== DATA RECORDS
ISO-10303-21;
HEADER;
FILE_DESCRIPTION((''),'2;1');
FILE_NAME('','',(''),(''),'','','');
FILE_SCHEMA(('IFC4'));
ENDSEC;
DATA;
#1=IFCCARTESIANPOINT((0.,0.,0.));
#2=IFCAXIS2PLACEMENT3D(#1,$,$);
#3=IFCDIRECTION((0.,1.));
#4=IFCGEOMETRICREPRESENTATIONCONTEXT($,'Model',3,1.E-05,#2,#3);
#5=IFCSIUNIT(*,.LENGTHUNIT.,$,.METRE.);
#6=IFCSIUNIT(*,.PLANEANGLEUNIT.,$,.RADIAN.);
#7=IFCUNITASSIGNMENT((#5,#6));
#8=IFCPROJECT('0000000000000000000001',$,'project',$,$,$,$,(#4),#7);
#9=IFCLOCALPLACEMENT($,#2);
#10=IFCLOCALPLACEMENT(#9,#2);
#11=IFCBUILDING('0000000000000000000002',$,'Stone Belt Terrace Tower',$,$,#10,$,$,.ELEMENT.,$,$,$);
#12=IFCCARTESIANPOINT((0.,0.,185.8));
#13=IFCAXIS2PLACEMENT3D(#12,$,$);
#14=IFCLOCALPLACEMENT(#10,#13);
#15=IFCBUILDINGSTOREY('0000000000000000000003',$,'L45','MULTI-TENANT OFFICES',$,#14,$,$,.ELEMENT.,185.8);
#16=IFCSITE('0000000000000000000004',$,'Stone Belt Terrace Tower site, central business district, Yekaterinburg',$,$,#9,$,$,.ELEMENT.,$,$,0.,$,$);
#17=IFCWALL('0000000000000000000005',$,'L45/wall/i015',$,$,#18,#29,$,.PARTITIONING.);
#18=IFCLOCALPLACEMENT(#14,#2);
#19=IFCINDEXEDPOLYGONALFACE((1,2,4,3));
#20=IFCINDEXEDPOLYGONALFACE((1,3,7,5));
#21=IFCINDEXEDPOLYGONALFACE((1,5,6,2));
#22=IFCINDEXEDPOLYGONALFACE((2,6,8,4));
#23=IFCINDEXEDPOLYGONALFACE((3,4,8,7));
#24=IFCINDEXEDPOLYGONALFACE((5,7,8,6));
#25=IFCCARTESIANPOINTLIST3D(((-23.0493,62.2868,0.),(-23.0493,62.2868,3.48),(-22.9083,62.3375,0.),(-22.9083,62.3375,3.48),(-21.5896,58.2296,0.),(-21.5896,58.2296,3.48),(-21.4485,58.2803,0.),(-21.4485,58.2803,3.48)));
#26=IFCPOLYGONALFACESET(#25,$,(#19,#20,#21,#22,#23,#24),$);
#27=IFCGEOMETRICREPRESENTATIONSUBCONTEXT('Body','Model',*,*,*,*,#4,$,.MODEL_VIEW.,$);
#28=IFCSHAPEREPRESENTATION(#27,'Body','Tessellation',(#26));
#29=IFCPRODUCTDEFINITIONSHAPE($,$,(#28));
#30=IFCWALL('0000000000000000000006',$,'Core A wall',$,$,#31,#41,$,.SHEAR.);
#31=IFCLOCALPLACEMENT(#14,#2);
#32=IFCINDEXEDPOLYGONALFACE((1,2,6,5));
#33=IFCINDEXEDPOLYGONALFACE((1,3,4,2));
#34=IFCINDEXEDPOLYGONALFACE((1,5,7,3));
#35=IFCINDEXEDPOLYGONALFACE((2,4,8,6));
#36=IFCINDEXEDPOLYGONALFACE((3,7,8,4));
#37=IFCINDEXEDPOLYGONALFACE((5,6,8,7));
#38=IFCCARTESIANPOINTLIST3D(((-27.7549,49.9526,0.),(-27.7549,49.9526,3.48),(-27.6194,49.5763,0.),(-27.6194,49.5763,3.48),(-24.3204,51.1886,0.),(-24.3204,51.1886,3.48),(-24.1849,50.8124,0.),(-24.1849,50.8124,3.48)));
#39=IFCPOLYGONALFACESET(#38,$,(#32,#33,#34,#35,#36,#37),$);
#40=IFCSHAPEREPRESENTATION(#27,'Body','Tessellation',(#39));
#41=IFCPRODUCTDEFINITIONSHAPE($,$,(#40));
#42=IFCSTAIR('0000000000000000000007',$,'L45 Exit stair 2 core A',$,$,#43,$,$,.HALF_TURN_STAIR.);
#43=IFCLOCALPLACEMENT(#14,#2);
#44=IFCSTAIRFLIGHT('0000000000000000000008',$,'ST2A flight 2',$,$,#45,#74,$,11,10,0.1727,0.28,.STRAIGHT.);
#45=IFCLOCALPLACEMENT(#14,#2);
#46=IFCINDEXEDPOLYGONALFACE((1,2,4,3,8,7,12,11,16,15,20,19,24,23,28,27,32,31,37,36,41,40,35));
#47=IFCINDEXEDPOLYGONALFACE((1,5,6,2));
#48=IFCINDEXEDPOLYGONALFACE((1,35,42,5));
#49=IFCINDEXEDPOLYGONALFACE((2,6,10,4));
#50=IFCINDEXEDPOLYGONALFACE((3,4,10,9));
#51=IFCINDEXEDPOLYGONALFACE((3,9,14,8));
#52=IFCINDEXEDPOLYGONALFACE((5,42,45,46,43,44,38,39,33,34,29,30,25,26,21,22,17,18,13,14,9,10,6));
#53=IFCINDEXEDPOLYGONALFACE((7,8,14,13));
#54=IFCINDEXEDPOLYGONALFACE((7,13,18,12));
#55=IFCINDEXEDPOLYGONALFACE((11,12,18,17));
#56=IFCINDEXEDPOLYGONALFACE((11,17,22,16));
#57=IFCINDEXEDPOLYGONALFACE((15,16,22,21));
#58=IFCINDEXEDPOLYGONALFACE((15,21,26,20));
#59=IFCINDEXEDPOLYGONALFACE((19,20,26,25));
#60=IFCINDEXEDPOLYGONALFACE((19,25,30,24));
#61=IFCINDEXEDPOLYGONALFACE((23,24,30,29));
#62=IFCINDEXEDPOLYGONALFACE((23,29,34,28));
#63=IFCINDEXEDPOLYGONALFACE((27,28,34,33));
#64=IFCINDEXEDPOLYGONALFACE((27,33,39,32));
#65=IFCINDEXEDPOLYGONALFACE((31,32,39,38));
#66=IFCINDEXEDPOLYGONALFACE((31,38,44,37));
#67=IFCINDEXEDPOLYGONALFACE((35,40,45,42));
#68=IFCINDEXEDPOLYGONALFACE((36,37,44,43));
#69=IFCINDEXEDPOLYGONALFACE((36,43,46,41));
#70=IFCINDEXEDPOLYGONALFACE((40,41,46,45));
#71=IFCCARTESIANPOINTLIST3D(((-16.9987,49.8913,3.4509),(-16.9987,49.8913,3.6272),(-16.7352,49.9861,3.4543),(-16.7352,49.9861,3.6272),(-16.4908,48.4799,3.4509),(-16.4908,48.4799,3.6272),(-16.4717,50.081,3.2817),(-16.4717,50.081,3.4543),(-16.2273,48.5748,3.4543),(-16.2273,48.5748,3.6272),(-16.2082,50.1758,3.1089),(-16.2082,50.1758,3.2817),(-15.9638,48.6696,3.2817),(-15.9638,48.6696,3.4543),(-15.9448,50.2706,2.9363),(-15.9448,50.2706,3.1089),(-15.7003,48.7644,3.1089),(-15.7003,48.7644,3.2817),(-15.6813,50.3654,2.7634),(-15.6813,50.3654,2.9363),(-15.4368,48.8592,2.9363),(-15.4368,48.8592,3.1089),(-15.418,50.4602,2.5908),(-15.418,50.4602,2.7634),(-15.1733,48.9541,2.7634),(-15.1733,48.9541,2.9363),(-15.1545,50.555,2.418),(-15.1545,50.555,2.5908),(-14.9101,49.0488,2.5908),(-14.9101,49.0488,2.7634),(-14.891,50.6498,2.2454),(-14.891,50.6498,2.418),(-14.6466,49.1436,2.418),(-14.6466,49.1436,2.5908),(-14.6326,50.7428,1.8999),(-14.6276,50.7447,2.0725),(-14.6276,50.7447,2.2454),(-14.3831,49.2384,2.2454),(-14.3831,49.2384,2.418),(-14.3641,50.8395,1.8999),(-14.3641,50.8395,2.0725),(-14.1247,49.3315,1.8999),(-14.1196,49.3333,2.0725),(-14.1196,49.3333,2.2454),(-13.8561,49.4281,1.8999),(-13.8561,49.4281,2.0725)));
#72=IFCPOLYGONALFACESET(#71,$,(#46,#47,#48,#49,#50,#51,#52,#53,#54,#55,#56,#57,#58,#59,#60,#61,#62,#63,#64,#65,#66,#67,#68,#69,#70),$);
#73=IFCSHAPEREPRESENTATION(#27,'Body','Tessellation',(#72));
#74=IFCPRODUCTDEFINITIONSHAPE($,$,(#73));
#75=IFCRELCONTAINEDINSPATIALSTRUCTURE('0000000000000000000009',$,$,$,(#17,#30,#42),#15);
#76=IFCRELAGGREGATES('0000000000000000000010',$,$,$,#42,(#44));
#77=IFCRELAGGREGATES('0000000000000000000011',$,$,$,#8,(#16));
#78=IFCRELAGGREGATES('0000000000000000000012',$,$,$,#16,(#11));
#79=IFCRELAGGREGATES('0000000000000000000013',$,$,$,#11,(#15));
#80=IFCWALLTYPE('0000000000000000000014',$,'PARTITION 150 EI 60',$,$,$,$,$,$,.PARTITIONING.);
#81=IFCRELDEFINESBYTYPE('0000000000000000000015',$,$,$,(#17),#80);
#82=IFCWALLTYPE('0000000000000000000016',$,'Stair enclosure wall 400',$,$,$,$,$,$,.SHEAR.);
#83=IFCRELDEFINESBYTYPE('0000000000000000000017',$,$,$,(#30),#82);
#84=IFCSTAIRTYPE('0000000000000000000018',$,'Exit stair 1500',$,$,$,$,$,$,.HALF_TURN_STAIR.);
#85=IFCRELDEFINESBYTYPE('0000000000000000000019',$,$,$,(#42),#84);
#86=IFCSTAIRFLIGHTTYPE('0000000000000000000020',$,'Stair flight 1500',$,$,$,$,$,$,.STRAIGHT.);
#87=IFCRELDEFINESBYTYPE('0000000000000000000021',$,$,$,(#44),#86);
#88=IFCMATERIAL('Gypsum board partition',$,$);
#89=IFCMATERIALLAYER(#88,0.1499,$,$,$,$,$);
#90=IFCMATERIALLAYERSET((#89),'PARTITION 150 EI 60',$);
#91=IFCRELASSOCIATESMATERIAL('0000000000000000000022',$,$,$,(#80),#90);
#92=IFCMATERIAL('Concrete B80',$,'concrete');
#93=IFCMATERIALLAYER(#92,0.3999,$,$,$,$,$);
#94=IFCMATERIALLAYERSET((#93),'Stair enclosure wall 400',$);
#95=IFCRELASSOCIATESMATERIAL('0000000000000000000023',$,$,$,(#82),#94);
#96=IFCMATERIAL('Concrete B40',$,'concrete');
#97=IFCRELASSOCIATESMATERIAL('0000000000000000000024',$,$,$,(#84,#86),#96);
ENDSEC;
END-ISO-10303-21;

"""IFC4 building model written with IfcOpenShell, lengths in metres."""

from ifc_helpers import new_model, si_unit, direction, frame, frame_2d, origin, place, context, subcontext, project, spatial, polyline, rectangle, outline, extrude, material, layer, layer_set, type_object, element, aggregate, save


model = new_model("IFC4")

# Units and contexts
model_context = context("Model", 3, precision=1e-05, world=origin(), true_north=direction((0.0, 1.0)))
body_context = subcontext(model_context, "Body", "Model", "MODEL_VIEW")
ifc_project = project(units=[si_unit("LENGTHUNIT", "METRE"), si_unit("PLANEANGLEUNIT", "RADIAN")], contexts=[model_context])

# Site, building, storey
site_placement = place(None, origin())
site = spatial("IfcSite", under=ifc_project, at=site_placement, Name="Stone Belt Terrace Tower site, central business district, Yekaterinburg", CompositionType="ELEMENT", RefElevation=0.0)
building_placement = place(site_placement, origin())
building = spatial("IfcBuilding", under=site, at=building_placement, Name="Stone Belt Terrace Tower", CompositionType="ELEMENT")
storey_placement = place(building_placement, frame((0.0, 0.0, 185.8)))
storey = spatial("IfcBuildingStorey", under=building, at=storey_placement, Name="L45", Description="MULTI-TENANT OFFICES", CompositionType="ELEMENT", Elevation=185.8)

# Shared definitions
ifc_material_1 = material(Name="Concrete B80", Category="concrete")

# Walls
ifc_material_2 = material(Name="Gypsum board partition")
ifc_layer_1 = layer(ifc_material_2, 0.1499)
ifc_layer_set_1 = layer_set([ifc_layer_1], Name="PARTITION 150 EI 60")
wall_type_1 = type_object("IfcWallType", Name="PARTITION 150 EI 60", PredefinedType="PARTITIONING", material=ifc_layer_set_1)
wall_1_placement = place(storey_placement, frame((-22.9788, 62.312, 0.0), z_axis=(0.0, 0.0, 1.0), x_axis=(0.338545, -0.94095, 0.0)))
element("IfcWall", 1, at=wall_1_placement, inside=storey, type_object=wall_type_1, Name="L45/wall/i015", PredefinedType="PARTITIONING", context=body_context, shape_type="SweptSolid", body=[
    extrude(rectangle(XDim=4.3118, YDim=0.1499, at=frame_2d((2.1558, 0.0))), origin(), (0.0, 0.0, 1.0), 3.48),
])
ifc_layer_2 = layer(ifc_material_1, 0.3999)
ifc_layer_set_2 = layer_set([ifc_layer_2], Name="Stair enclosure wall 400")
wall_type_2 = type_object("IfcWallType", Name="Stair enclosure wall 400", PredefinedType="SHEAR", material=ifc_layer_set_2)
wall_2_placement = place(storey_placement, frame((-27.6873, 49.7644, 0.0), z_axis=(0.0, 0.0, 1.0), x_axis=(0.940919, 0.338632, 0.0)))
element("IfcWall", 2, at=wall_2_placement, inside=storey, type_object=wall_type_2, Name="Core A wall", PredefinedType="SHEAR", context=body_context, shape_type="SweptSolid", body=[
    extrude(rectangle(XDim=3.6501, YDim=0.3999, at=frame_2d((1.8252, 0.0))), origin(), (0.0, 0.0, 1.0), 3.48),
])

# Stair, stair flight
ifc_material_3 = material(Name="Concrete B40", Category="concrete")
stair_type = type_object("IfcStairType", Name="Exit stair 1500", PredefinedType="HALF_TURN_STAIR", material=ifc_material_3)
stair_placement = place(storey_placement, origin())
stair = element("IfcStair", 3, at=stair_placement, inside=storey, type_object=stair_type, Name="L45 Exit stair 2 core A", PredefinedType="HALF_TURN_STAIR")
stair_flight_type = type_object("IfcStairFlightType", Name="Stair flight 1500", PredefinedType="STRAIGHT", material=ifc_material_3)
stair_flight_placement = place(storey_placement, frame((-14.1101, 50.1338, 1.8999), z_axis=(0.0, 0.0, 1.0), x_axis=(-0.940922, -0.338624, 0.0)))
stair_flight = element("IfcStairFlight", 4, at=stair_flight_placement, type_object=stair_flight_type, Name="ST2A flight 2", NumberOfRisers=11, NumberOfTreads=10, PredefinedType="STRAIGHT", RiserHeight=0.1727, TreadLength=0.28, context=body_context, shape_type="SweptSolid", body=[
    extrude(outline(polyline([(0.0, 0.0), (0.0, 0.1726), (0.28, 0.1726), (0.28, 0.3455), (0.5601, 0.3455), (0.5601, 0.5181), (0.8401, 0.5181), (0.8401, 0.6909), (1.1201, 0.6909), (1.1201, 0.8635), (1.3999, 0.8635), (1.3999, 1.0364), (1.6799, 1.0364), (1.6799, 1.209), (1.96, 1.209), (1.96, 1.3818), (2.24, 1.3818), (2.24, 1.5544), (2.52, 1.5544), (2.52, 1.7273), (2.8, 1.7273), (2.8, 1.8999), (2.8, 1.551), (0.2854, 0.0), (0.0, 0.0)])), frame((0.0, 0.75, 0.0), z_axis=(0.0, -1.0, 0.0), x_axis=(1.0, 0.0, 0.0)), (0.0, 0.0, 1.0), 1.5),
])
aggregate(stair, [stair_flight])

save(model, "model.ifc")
====
» WHAT YOU SHOULD DO:
Using the material above, work out how many lines contain the string "IFCRELASSOCIATESMATERIAL". Give that number alone.

» ANSWER SPACE:
3